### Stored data
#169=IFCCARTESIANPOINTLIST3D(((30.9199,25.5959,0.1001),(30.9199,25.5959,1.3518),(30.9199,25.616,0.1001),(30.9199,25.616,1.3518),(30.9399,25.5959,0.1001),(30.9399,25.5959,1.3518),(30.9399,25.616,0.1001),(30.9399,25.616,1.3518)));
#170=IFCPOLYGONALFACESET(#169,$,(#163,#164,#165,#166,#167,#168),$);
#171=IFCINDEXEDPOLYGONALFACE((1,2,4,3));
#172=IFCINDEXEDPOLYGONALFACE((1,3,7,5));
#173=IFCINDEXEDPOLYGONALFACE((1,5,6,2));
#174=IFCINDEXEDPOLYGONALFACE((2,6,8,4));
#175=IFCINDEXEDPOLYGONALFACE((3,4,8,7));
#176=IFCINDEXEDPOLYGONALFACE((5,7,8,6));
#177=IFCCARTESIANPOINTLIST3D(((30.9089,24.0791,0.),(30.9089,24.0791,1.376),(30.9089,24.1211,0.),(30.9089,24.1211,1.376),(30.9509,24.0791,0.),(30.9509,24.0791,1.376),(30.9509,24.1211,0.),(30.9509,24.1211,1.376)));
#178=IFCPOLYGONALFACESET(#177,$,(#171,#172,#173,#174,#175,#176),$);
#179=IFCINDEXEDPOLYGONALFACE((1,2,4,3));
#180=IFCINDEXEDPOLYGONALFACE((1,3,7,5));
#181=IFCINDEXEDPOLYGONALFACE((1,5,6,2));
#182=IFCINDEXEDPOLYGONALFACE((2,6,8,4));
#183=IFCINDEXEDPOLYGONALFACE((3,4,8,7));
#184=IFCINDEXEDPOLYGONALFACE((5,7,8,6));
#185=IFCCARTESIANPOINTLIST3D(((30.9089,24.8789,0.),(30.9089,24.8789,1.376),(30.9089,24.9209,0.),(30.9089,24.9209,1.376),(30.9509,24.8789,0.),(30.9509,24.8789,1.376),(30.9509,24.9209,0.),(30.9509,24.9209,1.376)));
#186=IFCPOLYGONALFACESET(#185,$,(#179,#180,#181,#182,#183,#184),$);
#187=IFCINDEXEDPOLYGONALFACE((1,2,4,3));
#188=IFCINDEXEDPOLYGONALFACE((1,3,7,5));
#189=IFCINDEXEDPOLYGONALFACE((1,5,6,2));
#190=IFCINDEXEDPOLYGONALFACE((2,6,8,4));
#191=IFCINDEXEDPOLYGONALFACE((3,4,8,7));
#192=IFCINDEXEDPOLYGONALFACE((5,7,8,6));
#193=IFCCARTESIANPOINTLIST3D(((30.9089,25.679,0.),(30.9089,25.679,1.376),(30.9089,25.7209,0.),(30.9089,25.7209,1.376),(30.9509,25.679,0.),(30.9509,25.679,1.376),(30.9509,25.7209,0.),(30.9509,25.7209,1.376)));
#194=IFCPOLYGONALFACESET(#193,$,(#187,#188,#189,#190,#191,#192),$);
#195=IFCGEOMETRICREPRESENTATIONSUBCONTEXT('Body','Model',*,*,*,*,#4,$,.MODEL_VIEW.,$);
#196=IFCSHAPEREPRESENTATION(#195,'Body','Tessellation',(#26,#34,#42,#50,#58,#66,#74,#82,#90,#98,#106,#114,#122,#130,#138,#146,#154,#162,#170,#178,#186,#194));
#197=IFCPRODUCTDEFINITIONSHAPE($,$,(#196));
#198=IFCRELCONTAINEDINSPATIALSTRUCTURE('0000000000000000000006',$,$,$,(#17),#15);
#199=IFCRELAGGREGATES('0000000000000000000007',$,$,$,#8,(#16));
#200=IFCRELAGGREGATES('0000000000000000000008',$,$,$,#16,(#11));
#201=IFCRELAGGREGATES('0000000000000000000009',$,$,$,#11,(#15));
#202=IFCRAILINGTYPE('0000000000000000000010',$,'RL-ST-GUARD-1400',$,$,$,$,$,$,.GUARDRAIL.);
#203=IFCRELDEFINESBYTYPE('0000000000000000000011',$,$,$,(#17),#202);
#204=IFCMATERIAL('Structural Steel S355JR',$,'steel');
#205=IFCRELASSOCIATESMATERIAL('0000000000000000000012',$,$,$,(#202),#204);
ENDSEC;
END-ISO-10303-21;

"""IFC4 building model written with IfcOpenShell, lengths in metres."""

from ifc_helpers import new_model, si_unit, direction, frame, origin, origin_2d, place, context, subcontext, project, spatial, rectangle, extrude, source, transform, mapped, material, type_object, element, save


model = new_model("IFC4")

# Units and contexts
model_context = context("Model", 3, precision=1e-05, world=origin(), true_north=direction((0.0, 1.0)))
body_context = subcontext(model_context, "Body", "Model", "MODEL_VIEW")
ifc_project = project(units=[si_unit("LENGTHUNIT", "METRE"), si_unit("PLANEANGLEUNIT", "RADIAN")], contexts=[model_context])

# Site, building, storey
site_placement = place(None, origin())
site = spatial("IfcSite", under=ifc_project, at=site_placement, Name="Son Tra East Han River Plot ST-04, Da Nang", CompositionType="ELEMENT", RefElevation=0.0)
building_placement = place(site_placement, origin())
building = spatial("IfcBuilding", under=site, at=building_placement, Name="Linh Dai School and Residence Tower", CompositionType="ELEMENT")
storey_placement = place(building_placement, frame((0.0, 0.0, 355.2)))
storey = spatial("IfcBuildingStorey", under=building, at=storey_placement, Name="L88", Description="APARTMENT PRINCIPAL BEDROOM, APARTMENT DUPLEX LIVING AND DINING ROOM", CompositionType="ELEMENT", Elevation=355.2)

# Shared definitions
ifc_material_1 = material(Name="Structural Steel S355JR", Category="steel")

### Exercise
Look through the data above and return exactly the lines from the one that contains "#192=IFCINDEXEDPOLYGONALFACE((5,7,8,6));" to the one that contains "#199=IFCRELAGGREGATES('0000000000000000000007',$,$,$,#8,(#16));", inclusive, with nothing else.

### Exercise output
#192=IFCINDEXEDPOLYGONALFACE((5,7,8,6));
#193=IFCCARTESIANPOINTLIST3D(((30.9089,25.679,0.),(30.9089,25.679,1.376),(30.9089,25.7209,0.),(30.9089,25.7209,1.376),(30.9509,25.679,0.),(30.9509,25.679,1.376),(30.9509,25.7209,0.),(30.9509,25.7209,1.376)));
#194=IFCPOLYGONALFACESET(#193,$,(#187,#188,#189,#190,#191,#192),$);
#195=IFCGEOMETRICREPRESENTATIONSUBCONTEXT('Body','Model',*,*,*,*,#4,$,.MODEL_VIEW.,$);
#196=IFCSHAPEREPRESENTATION(#195,'Body','Tessellation',(#26,#34,#42,#50,#58,#66,#74,#82,#90,#98,#106,#114,#122,#130,#138,#146,#154,#162,#170,#178,#186,#194));
#197=IFCPRODUCTDEFINITIONSHAPE($,$,(#196));
#198=IFCRELCONTAINEDINSPATIALSTRUCTURE('0000000000000000000006',$,$,$,(#17),#15);
#199=IFCRELAGGREGATES('0000000000000000000007',$,$,$,#8,(#16));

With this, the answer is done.